Work instruction - Your answer should be the lines of the data below that contain "Category".

Records for this exercise: Begin

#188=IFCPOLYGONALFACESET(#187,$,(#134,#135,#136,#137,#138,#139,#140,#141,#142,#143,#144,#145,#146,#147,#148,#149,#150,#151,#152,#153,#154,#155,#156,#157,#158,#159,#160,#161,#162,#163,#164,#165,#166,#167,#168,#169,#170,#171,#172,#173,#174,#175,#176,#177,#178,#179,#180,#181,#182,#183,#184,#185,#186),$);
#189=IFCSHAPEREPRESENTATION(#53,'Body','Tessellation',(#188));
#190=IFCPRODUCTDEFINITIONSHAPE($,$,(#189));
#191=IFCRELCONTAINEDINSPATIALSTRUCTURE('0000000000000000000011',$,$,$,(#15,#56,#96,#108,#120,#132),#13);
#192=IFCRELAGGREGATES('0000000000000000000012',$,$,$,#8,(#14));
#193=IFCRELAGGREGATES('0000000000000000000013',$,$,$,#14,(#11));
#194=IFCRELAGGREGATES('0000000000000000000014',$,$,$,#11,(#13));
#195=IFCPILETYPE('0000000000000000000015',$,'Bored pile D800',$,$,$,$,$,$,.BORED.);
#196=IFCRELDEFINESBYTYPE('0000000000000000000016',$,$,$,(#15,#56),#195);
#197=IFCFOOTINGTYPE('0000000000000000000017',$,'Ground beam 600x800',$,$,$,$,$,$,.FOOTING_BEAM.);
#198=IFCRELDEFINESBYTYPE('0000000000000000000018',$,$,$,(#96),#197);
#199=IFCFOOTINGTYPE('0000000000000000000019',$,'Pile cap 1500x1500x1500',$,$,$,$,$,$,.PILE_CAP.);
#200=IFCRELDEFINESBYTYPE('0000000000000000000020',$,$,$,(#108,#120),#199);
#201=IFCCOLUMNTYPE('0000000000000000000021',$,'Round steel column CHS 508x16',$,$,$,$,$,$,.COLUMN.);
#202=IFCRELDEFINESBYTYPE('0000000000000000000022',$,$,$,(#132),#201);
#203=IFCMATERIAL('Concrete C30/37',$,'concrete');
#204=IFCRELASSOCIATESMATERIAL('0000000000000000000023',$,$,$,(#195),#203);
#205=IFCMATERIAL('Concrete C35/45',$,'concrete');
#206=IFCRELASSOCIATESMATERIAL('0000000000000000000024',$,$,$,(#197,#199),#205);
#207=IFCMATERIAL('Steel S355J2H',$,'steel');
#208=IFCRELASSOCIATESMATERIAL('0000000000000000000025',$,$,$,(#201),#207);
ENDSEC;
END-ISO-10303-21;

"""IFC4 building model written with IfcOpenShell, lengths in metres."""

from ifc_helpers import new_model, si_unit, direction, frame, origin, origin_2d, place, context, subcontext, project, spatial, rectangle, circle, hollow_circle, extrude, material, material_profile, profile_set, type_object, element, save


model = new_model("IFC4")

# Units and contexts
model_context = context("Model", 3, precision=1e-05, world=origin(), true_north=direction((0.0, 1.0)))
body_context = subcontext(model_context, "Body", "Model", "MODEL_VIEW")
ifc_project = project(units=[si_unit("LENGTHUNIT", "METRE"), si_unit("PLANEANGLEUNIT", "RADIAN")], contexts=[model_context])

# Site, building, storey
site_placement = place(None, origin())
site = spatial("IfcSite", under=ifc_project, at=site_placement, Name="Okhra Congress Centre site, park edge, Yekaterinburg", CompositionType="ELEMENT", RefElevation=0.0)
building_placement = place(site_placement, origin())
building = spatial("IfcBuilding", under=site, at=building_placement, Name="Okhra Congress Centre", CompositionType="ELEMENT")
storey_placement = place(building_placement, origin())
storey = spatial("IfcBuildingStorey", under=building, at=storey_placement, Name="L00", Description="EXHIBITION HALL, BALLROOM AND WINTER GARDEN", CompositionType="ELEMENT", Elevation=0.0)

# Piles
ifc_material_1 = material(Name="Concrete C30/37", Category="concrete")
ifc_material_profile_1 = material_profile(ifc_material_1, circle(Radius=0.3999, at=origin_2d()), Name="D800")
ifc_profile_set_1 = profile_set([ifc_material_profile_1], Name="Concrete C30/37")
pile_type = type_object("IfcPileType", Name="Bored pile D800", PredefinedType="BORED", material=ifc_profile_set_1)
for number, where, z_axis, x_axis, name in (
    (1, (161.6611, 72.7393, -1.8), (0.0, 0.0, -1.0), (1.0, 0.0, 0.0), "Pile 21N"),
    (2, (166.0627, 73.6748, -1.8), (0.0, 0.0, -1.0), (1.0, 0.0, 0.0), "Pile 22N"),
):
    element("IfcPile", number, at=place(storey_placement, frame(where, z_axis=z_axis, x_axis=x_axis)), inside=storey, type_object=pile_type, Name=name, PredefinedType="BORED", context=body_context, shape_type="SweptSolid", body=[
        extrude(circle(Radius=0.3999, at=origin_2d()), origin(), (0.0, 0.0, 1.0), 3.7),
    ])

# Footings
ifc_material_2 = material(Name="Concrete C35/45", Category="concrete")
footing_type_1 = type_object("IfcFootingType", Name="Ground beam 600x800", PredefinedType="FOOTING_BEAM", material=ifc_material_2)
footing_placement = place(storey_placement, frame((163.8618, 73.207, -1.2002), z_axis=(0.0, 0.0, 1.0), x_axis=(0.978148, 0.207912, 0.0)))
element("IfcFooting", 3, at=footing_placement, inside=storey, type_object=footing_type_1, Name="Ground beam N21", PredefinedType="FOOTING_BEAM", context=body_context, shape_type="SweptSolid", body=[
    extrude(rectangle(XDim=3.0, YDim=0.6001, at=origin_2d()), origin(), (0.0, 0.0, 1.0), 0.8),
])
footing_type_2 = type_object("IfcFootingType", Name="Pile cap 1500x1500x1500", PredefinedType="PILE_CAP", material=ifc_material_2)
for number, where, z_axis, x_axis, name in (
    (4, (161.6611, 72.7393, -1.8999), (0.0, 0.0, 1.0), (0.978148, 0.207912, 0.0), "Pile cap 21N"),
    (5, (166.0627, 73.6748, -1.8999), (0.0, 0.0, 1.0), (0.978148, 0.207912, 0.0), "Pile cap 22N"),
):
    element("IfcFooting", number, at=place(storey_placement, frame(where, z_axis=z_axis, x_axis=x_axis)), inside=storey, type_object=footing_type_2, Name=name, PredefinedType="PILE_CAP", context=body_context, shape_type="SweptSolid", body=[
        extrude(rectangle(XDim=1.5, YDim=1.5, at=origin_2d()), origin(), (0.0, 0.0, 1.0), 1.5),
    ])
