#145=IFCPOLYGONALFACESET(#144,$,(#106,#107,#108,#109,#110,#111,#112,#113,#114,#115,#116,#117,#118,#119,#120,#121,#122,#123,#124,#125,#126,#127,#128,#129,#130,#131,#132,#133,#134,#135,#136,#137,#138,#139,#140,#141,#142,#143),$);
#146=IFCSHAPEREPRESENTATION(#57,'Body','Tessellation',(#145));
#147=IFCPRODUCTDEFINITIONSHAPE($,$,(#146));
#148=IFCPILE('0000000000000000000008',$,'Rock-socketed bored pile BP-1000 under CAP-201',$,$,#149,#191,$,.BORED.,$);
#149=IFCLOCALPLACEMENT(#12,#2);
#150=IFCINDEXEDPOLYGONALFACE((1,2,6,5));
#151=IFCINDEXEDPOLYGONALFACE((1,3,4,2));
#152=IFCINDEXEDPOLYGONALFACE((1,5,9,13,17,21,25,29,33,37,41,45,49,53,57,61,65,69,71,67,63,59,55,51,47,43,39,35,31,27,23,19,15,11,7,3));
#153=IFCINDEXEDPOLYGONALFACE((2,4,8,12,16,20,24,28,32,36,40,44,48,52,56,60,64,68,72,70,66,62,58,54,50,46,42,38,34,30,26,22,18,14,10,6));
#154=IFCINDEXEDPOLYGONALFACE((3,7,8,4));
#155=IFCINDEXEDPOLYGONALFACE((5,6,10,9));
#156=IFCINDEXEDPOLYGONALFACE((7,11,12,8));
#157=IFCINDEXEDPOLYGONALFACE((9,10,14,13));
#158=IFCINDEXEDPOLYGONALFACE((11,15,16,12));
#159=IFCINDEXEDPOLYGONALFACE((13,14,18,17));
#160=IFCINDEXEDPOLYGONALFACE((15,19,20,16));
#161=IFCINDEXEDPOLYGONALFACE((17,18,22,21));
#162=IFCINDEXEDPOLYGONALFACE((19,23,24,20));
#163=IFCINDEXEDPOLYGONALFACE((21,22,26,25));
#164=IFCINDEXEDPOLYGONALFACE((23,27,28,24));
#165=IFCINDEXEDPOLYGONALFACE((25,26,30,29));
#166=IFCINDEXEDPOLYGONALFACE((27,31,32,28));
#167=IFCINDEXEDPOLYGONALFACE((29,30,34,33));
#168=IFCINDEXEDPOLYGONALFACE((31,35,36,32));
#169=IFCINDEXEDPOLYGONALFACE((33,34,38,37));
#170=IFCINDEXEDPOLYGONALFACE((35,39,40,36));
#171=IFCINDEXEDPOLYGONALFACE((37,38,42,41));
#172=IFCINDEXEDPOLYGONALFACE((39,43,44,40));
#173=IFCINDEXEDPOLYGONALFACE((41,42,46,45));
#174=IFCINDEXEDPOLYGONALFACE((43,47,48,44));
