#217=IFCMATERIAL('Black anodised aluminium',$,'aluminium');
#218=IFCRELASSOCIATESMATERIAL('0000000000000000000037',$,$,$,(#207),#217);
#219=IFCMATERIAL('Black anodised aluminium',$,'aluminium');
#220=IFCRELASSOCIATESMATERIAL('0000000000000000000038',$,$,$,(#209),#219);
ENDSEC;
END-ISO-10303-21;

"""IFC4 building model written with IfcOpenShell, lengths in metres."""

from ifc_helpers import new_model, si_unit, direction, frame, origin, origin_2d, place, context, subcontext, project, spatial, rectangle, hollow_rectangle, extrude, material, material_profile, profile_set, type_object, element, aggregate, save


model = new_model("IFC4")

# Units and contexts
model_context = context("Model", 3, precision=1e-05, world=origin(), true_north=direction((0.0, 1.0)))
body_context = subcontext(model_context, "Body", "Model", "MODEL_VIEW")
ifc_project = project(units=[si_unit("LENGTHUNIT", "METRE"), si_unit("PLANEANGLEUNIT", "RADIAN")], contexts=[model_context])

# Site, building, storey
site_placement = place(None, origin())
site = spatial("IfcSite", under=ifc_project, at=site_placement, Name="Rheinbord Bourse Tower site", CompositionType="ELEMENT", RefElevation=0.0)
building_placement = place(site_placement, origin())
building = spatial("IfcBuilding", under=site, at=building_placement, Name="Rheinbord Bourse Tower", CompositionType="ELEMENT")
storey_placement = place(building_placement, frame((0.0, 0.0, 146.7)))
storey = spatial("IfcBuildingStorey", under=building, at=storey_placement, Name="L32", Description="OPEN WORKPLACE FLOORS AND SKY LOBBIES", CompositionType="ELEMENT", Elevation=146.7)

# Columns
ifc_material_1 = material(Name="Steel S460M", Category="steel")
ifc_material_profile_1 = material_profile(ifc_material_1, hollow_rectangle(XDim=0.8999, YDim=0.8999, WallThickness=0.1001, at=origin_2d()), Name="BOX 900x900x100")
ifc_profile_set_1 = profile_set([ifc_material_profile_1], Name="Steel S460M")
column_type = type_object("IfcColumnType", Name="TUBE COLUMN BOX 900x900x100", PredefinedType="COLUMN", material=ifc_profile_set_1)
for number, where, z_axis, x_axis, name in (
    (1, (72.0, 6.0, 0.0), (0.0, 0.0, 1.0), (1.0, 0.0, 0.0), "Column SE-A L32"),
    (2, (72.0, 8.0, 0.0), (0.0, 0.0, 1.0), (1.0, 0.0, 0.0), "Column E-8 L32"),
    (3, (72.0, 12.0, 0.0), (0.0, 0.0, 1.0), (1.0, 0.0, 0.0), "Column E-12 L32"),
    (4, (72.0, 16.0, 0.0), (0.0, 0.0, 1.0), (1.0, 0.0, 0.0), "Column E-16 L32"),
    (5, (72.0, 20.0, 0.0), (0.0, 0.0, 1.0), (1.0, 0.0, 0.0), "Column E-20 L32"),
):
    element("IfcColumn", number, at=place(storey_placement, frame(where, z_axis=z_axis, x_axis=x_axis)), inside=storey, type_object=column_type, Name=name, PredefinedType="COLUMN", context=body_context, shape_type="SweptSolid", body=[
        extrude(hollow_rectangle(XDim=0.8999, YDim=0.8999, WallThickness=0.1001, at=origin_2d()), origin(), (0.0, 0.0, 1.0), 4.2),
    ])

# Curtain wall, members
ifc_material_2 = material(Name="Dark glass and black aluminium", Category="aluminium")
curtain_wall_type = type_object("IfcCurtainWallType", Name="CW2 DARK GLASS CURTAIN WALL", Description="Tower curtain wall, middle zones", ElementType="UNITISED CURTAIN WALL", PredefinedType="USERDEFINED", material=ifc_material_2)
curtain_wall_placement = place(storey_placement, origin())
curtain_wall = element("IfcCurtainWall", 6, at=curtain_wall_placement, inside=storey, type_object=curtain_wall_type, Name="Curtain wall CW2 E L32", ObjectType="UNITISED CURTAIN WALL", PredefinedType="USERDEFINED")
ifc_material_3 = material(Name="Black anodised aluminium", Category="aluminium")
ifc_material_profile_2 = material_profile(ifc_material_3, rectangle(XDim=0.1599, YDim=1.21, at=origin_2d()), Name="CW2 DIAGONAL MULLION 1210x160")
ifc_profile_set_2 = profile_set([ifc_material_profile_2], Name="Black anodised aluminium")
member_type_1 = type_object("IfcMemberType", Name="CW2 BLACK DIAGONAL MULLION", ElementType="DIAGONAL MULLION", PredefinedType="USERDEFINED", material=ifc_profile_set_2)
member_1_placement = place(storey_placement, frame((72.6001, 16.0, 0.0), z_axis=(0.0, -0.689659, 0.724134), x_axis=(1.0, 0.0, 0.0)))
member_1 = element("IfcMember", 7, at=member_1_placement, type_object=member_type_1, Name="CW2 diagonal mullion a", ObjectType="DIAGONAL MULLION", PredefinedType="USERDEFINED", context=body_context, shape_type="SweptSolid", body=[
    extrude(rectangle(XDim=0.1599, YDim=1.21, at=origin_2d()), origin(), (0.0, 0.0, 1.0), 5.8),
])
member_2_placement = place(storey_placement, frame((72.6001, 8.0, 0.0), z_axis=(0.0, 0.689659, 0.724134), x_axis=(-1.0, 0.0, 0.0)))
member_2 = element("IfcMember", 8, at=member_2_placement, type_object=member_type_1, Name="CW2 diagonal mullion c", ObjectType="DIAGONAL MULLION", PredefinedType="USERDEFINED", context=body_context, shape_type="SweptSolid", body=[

Records for this exercise: End

Final answer -
ifc_material_1 = material(Name="Concrete C30/37", Category="concrete")
ifc_material_2 = material(Name="Concrete C35/45", Category="concrete")
ifc_material_1 = material(Name="Steel S460M", Category="steel")
ifc_material_2 = material(Name="Dark glass and black aluminium", Category="aluminium")
ifc_material_3 = material(Name="Black anodised aluminium", Category="aluminium")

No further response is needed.